RECORDED INFORMATION Block Start
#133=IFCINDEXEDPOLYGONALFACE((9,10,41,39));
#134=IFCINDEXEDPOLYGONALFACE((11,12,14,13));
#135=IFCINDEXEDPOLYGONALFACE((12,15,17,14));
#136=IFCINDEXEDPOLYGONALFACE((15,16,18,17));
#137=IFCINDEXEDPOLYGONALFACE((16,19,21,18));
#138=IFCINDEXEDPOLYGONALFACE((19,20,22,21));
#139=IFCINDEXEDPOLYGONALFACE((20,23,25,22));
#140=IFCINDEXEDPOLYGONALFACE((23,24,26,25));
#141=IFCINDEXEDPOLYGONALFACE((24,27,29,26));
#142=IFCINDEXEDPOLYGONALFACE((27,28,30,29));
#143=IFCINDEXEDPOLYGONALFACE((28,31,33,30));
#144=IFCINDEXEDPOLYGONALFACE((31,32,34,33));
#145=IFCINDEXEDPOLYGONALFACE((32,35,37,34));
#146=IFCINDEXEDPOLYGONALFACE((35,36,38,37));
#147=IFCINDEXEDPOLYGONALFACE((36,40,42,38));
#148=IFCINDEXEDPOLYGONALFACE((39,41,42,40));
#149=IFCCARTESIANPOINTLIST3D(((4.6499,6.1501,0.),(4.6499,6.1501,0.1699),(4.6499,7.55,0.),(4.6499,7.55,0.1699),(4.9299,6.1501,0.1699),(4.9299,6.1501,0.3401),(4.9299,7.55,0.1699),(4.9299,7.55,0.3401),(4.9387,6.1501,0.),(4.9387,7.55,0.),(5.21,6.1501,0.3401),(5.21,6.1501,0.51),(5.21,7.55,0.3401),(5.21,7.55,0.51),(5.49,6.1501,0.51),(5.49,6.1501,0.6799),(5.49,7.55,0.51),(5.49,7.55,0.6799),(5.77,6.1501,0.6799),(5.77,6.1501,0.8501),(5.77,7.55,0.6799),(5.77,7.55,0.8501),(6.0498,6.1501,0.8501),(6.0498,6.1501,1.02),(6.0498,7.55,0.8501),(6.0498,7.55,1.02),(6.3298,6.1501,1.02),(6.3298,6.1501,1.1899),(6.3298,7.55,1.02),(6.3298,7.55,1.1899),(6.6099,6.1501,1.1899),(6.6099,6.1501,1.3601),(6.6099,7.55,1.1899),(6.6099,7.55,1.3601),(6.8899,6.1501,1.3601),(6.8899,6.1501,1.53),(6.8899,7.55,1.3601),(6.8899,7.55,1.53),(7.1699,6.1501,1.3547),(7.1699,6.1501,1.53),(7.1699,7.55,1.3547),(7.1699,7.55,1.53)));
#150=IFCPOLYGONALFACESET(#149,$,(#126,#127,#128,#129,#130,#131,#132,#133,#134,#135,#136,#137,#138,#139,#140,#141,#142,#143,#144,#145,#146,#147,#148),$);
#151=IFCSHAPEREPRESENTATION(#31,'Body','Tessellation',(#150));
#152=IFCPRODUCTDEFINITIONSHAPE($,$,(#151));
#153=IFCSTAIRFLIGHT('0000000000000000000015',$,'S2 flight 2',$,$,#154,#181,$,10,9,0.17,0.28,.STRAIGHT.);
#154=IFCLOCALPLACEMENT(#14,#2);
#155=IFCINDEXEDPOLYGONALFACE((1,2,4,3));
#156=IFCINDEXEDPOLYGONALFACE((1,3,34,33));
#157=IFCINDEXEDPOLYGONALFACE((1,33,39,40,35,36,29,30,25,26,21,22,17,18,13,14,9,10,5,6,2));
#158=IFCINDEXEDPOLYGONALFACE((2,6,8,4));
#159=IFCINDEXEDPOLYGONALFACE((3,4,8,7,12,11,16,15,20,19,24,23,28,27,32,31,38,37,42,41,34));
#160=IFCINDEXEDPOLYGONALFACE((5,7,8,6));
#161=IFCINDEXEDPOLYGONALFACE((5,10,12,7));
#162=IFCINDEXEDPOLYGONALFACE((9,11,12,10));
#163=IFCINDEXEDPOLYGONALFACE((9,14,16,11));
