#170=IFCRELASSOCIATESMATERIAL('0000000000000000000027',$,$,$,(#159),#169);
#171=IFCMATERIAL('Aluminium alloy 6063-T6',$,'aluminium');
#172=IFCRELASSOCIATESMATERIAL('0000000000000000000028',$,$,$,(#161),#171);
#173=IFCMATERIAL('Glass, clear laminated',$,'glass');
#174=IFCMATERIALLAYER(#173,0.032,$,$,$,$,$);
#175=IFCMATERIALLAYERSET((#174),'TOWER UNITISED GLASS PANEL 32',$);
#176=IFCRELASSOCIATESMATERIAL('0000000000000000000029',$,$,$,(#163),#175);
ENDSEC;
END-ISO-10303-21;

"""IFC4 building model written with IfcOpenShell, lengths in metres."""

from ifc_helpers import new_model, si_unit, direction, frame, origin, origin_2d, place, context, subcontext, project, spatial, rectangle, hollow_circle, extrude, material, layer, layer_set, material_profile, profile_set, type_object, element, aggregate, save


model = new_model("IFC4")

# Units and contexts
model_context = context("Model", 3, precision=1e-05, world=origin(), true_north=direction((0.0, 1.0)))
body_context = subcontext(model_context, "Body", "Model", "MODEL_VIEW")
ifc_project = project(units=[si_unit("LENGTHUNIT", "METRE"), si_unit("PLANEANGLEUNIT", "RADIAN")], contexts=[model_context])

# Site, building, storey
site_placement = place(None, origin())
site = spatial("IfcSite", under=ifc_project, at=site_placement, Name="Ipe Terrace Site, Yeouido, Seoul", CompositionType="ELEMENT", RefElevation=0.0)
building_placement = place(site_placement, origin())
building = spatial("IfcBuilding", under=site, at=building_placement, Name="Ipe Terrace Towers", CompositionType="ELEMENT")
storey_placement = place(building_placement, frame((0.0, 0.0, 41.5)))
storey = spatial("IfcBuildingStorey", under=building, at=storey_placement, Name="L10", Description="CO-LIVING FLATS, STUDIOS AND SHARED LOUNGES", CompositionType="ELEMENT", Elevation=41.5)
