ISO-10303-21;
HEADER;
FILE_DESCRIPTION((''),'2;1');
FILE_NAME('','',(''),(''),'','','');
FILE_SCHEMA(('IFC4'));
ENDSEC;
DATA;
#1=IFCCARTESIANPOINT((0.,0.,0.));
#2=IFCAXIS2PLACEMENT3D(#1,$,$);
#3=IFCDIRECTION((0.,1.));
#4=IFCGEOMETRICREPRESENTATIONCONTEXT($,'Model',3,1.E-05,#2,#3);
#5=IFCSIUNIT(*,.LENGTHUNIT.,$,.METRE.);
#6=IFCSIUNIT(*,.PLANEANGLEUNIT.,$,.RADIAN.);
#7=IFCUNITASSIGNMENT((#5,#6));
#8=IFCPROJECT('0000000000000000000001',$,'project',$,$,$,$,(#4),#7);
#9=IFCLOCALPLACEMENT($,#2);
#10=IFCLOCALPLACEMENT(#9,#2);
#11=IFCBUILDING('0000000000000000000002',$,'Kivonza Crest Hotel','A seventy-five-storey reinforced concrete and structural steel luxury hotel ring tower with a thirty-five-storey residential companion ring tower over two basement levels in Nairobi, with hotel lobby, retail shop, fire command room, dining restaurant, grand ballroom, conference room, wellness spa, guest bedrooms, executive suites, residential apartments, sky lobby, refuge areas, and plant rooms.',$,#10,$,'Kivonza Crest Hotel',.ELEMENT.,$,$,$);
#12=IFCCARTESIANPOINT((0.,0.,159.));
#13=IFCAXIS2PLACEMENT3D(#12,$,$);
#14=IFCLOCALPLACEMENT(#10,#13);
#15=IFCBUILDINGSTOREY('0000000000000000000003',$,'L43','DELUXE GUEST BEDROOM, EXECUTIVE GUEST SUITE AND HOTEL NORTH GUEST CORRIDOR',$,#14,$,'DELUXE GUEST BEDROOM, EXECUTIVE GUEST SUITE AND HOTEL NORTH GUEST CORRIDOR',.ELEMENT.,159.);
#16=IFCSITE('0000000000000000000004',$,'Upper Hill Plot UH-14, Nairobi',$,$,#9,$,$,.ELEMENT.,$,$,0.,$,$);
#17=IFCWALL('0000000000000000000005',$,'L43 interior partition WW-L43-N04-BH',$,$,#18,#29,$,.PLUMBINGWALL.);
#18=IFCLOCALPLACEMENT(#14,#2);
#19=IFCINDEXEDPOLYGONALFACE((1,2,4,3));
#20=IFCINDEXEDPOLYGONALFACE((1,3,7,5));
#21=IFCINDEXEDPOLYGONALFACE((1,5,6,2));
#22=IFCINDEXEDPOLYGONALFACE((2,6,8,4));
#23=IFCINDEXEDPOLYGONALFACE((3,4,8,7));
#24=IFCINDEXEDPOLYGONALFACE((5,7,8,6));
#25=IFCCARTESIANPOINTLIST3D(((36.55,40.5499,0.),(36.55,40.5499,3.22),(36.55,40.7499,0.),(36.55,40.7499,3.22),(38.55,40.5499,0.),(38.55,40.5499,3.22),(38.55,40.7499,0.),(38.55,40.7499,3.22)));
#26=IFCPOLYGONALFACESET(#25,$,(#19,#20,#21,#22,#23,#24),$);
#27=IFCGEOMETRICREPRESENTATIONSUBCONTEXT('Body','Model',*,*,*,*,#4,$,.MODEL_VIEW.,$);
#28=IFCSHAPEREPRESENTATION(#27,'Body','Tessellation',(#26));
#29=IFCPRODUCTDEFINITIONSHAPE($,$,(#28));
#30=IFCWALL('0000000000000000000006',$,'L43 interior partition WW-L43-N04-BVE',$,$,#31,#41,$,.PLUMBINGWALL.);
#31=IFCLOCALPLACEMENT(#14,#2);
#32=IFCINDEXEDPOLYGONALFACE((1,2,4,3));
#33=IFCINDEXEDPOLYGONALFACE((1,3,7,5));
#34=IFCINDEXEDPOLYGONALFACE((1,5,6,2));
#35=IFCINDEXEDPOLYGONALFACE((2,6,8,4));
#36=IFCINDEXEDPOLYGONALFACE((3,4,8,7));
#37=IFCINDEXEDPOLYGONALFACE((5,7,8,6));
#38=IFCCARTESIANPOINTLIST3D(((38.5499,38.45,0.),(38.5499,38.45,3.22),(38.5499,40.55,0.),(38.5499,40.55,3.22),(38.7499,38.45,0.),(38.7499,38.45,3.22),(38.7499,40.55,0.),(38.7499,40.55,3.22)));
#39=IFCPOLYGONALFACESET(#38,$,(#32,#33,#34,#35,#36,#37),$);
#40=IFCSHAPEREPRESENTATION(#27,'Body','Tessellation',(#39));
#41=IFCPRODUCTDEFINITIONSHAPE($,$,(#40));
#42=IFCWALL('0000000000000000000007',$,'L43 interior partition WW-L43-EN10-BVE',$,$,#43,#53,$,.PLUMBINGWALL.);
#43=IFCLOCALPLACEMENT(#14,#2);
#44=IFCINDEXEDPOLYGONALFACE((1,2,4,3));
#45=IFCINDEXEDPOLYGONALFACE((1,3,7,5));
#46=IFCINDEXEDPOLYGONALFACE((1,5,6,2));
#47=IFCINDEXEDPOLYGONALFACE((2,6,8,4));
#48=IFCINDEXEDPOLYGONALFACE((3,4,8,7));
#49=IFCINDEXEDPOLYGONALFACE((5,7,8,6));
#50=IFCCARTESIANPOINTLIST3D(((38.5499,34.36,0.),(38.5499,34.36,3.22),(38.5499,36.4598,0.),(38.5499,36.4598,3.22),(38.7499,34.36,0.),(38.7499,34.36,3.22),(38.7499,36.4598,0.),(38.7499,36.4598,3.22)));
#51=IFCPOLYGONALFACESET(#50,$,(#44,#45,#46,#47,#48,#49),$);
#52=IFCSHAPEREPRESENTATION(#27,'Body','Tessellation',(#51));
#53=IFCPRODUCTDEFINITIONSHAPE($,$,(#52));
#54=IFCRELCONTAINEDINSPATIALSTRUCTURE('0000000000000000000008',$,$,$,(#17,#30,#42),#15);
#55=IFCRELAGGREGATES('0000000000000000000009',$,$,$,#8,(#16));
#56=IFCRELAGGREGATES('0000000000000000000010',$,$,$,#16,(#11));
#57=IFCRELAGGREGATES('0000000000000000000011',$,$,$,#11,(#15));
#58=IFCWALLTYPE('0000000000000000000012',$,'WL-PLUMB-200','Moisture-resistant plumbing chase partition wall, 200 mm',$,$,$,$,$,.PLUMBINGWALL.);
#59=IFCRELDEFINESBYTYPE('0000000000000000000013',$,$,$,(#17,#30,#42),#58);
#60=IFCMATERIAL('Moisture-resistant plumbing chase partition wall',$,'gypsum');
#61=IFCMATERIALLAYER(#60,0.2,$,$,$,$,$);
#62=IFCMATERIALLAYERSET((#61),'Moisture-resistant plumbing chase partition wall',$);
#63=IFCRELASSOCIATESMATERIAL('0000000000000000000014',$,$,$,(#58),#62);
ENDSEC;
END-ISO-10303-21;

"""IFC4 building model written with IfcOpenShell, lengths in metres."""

from ifc_helpers import new_model, si_unit, direction, frame, frame_2d, origin, place, context, subcontext, project, spatial, rectangle, extrude, material, layer, layer_set, type_object, element, save


model = new_model("IFC4")

# Units and contexts
model_context = context("Model", 3, precision=1e-05, world=origin(), true_north=direction((0.0, 1.0)))
body_context = subcontext(model_context, "Body", "Model", "MODEL_VIEW")
ifc_project = project(units=[si_unit("LENGTHUNIT", "METRE"), si_unit("PLANEANGLEUNIT", "RADIAN")], contexts=[model_context])

# Site, building, storey
site_placement = place(None, origin())
site = spatial("IfcSite", under=ifc_project, at=site_placement, Name="Upper Hill Plot UH-14, Nairobi", CompositionType="ELEMENT", RefElevation=0.0)
building_placement = place(site_placement, origin())
building = spatial("IfcBuilding", under=site, at=building_placement, Name="Kivonza Crest Hotel", Description="A seventy-five-storey reinforced concrete and structural steel luxury hotel ring tower with a thirty-five-storey residential companion ring tower over two basement levels in Nairobi, with hotel lobby, retail shop, fire command room, dining restaurant, grand ballroom, conference room, wellness spa, guest bedrooms, executive suites, residential apartments, sky lobby, refuge areas, and plant rooms.", LongName="Kivonza Crest Hotel", CompositionType="ELEMENT")
storey_placement = place(building_placement, frame((0.0, 0.0, 159.0)))
storey = spatial("IfcBuildingStorey", under=building, at=storey_placement, Name="L43", Description="DELUXE GUEST BEDROOM, EXECUTIVE GUEST SUITE AND HOTEL NORTH GUEST CORRIDOR", LongName="DELUXE GUEST BEDROOM, EXECUTIVE GUEST SUITE AND HOTEL NORTH GUEST CORRIDOR", CompositionType="ELEMENT", Elevation=159.0)

# Shared definitions
ifc_material_1 = material(Name="Moisture-resistant plumbing chase partition wall", Category="gypsum")
ifc_layer_1 = layer(ifc_material_1, 0.2)
ifc_layer_set_1 = layer_set([ifc_layer_1], Name="Moisture-resistant plumbing chase partition wall")
wall_type_1 = type_object("IfcWallType", Name="WL-PLUMB-200", Description="Moisture-resistant plumbing chase partition wall, 200 mm", PredefinedType="PLUMBINGWALL", material=ifc_layer_set_1)

# Walls
wall_1_placement = place(storey_placement, frame((36.55, 40.6499, 0.0), z_axis=(0.0, 0.0, 1.0), x_axis=(1.0, 0.0, 0.0)))
element("IfcWall", 1, at=wall_1_placement, inside=storey, type_object=wall_type_1, Name="L43 interior partition WW-L43-N04-BH", PredefinedType="PLUMBINGWALL", context=body_context, shape_type="SweptSolid", body=[
    extrude(rectangle(XDim=2.0, YDim=0.2, at=frame_2d((1.0, 0.0))), origin(), (0.0, 0.0, 1.0), 3.22),
])
wall_2_placement = place(storey_placement, frame((38.6499, 38.45, 0.0), z_axis=(0.0, 0.0, 1.0), x_axis=(0.0, 1.0, 0.0)))
element("IfcWall", 2, at=wall_2_placement, inside=storey, type_object=wall_type_1, Name="L43 interior partition WW-L43-N04-BVE", PredefinedType="PLUMBINGWALL", context=body_context, shape_type="SweptSolid", body=[
    extrude(rectangle(XDim=2.1001, YDim=0.2, at=frame_2d((1.05, 0.0))), origin(), (0.0, 0.0, 1.0), 3.22),
])
wall_3_placement = place(storey_placement, frame((38.6499, 34.3601, 0.0), z_axis=(0.0, 0.0, 1.0), x_axis=(0.0, 1.0, 0.0)))
element("IfcWall", 3, at=wall_3_placement, inside=storey, type_object=wall_type_1, Name="L43 interior partition WW-L43-EN10-BVE", PredefinedType="PLUMBINGWALL", context=body_context, shape_type="SweptSolid", body=[
    extrude(rectangle(XDim=2.0999, YDim=0.2, at=frame_2d((1.0498, 0.0))), origin(), (0.0, 0.0, 1.0), 3.22),
])

save(model, "model.ifc")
RECORDED INFORMATION Block End
*TASK REQUIREMENTS*: Would you quote everything above from the line containing "#49=IFCINDEXEDPOLYGONALFACE((5,7,8,6));" down to the line containing "#53=IFCPRODUCTDEFINITIONSHAPE($,$,(#52));"? Include both of those lines and nothing else.

*PROBLEM SOLUTION*:
#49=IFCINDEXEDPOLYGONALFACE((5,7,8,6));
#50=IFCCARTESIANPOINTLIST3D(((38.5499,34.36,0.),(38.5499,34.36,3.22),(38.5499,36.4598,0.),(38.5499,36.4598,3.22),(38.7499,34.36,0.),(38.7499,34.36,3.22),(38.7499,36.4598,0.),(38.7499,36.4598,3.22)));
#51=IFCPOLYGONALFACESET(#50,$,(#44,#45,#46,#47,#48,#49),$);
#52=IFCSHAPEREPRESENTATION(#27,'Body','Tessellation',(#51));
#53=IFCPRODUCTDEFINITIONSHAPE($,$,(#52));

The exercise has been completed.